Work instructions: Please give back only the lines below from the one containing "element, aggregate, save" to the one containing "wall CW2 L72", each repeated word for word, both ends included.

Information shown:
%%
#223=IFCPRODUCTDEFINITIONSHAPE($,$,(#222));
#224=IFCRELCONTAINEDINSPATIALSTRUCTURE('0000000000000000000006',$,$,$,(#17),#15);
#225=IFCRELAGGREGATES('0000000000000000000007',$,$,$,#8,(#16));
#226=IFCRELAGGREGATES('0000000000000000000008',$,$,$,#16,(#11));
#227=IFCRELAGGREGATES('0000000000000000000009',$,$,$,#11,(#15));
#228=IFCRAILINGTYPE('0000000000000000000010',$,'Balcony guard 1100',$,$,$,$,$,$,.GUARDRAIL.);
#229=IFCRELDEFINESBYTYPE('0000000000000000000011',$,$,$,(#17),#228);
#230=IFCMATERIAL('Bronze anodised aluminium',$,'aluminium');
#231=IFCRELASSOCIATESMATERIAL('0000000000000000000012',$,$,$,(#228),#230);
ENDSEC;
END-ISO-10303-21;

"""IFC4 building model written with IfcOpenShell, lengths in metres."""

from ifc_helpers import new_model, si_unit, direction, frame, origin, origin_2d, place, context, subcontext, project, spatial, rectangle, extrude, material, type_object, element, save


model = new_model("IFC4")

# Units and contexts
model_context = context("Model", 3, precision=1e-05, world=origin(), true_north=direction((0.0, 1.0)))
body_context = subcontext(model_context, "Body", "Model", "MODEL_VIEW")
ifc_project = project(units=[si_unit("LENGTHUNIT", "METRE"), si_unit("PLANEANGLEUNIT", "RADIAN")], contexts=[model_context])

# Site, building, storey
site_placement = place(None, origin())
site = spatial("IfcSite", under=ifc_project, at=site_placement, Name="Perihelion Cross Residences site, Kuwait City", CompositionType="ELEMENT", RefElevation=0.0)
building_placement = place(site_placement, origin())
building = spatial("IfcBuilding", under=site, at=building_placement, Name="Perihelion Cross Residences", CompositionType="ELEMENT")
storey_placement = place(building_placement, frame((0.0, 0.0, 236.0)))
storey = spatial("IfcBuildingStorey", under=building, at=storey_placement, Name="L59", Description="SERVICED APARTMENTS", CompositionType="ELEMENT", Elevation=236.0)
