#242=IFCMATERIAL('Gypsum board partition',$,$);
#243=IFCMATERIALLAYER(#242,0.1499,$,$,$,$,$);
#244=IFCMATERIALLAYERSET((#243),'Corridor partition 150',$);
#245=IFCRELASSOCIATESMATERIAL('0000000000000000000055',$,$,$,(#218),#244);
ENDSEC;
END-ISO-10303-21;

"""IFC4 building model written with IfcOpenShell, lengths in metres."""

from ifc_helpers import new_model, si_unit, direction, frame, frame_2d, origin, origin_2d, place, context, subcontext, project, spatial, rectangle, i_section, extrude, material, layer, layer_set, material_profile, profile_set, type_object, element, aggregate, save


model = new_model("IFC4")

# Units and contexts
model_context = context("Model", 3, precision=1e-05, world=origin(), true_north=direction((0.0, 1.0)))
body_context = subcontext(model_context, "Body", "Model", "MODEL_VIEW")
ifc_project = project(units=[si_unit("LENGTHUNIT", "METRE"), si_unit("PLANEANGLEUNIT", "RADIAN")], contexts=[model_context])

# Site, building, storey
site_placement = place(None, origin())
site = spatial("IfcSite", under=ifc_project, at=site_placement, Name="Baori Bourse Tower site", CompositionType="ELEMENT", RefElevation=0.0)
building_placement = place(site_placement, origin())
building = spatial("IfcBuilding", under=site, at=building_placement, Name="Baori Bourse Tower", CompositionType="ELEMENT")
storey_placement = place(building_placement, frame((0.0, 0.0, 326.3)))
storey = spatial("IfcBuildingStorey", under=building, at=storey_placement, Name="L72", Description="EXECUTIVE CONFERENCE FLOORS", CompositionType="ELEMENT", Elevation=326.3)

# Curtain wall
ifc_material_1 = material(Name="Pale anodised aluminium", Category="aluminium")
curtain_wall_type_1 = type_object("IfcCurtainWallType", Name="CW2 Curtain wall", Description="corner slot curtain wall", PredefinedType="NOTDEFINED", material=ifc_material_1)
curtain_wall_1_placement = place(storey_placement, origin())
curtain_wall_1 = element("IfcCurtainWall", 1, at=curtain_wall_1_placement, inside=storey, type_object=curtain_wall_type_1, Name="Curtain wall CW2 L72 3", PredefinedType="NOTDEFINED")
%%
%%
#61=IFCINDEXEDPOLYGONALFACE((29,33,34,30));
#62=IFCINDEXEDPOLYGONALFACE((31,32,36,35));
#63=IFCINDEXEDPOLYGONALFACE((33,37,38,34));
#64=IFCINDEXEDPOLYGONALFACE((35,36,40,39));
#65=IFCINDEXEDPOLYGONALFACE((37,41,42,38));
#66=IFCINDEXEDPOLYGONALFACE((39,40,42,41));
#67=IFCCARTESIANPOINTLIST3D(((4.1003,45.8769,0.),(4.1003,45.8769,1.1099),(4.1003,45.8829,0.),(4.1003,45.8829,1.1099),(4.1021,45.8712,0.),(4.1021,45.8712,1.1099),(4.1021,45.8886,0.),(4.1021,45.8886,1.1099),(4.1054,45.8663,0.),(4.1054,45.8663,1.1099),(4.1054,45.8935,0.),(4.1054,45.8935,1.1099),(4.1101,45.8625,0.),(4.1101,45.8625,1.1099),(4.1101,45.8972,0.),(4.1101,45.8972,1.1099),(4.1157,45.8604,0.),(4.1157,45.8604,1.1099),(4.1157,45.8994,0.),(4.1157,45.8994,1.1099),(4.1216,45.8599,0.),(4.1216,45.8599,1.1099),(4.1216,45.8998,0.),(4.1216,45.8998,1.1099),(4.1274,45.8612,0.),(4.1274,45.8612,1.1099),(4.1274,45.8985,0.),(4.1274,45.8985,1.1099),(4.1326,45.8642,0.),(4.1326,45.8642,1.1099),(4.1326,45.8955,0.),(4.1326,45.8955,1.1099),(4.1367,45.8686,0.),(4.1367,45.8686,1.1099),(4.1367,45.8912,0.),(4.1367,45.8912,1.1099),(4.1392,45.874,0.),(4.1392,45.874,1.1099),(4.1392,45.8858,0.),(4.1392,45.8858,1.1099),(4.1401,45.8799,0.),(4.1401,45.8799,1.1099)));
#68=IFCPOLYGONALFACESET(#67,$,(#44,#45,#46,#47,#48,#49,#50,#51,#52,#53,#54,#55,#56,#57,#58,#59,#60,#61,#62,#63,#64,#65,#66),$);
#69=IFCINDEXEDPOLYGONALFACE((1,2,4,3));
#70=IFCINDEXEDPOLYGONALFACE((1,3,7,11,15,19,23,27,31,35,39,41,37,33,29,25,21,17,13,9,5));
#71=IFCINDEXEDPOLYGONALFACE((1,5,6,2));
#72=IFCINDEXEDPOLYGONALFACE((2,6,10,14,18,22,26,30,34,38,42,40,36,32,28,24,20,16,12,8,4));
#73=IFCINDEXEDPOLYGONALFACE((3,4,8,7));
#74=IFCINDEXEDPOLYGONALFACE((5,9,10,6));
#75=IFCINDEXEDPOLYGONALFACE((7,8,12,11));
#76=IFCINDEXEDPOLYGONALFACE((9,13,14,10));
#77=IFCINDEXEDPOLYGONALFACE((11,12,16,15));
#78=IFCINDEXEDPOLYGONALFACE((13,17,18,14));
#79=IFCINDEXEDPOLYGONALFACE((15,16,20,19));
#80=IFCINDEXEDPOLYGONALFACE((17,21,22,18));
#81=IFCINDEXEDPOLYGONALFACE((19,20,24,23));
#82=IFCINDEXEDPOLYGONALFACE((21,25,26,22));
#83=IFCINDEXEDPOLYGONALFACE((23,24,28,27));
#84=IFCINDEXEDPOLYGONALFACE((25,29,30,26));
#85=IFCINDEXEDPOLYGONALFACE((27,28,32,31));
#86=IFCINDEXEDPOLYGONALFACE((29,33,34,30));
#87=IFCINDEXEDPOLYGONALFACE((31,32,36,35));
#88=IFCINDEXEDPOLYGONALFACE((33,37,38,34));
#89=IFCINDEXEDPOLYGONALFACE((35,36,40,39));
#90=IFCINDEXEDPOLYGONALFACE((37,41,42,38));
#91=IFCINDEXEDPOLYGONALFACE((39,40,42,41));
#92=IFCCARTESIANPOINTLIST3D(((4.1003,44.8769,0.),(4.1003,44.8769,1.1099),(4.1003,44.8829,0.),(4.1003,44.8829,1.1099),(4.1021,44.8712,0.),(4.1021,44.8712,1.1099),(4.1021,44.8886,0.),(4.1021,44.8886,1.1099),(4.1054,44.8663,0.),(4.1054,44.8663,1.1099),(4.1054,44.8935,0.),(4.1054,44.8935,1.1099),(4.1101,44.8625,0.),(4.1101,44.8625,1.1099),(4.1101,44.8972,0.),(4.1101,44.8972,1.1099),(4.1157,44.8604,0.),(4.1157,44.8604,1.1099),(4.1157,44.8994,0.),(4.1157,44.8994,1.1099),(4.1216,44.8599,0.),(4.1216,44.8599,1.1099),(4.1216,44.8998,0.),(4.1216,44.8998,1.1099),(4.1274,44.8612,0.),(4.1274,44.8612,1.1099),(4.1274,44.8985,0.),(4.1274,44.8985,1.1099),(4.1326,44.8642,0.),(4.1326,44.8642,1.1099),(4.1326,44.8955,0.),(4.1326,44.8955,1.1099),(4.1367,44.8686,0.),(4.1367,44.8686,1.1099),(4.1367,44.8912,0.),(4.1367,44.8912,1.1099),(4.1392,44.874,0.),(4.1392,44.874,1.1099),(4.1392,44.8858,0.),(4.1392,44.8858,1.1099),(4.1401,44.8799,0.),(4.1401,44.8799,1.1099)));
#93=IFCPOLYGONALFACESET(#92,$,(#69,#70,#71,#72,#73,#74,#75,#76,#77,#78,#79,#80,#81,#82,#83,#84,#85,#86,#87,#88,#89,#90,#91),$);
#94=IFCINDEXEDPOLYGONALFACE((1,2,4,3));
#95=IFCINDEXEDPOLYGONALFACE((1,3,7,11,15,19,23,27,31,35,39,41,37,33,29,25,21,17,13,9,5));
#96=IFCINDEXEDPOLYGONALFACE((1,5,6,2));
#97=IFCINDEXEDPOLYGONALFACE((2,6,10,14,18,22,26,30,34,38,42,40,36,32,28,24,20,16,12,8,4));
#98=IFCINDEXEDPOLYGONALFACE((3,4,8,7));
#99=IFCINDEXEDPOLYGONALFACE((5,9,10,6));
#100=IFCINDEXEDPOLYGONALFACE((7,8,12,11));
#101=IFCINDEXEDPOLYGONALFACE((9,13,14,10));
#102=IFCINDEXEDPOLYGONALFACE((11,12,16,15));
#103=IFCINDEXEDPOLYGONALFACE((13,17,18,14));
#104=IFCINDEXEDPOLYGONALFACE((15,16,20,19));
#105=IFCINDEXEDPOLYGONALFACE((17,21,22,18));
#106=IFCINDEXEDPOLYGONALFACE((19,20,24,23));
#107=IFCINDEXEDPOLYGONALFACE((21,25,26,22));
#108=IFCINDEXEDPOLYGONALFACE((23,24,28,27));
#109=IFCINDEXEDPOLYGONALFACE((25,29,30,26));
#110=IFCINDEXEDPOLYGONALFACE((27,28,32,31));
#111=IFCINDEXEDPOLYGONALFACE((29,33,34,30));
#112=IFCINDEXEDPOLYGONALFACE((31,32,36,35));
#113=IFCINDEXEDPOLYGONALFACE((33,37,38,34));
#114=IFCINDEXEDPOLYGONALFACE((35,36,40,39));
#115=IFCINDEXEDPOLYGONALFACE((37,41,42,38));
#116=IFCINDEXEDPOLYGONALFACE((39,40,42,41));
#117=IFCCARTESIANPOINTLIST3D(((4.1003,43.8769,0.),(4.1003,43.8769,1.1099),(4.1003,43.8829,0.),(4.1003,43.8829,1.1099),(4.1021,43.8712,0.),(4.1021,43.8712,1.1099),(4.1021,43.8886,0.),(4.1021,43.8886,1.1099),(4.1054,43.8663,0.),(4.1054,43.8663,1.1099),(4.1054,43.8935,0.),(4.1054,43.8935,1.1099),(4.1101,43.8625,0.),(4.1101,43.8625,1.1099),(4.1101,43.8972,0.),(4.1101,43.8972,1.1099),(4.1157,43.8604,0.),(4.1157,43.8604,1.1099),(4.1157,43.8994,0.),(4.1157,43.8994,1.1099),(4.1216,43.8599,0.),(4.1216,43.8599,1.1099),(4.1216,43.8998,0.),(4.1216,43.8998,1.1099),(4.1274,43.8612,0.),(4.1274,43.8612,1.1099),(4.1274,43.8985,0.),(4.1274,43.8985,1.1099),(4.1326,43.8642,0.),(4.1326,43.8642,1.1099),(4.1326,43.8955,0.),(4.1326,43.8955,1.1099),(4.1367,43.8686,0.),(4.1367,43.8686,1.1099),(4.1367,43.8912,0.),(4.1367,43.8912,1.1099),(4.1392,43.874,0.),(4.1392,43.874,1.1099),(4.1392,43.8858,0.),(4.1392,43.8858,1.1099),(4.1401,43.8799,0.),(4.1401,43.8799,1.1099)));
%%
Response below:
from ifc_helpers import new_model, si_unit, direction, frame, frame_2d, origin, origin_2d, place, context, subcontext, project, spatial, rectangle, i_section, extrude, material, layer, layer_set, material_profile, profile_set, type_object, element, aggregate, save


model = new_model("IFC4")

# Units and contexts
model_context = context("Model", 3, precision=1e-05, world=origin(), true_north=direction((0.0, 1.0)))
body_context = subcontext(model_context, "Body", "Model", "MODEL_VIEW")
ifc_project = project(units=[si_unit("LENGTHUNIT", "METRE"), si_unit("PLANEANGLEUNIT", "RADIAN")], contexts=[model_context])

# Site, building, storey
site_placement = place(None, origin())
site = spatial("IfcSite", under=ifc_project, at=site_placement, Name="Baori Bourse Tower site", CompositionType="ELEMENT", RefElevation=0.0)
building_placement = place(site_placement, origin())
building = spatial("IfcBuilding", under=site, at=building_placement, Name="Baori Bourse Tower", CompositionType="ELEMENT")
storey_placement = place(building_placement, frame((0.0, 0.0, 326.3)))
storey = spatial("IfcBuildingStorey", under=building, at=storey_placement, Name="L72", Description="EXECUTIVE CONFERENCE FLOORS", CompositionType="ELEMENT", Elevation=326.3)

# Curtain wall
ifc_material_1 = material(Name="Pale anodised aluminium", Category="aluminium")
curtain_wall_type_1 = type_object("IfcCurtainWallType", Name="CW2 Curtain wall", Description="corner slot curtain wall", PredefinedType="NOTDEFINED", material=ifc_material_1)
curtain_wall_1_placement = place(storey_placement, origin())
curtain_wall_1 = element("IfcCurtainWall", 1, at=curtain_wall_1_placement, inside=storey, type_object=curtain_wall_type_1, Name="Curtain wall CW2 L72 3", PredefinedType="NOTDEFINED")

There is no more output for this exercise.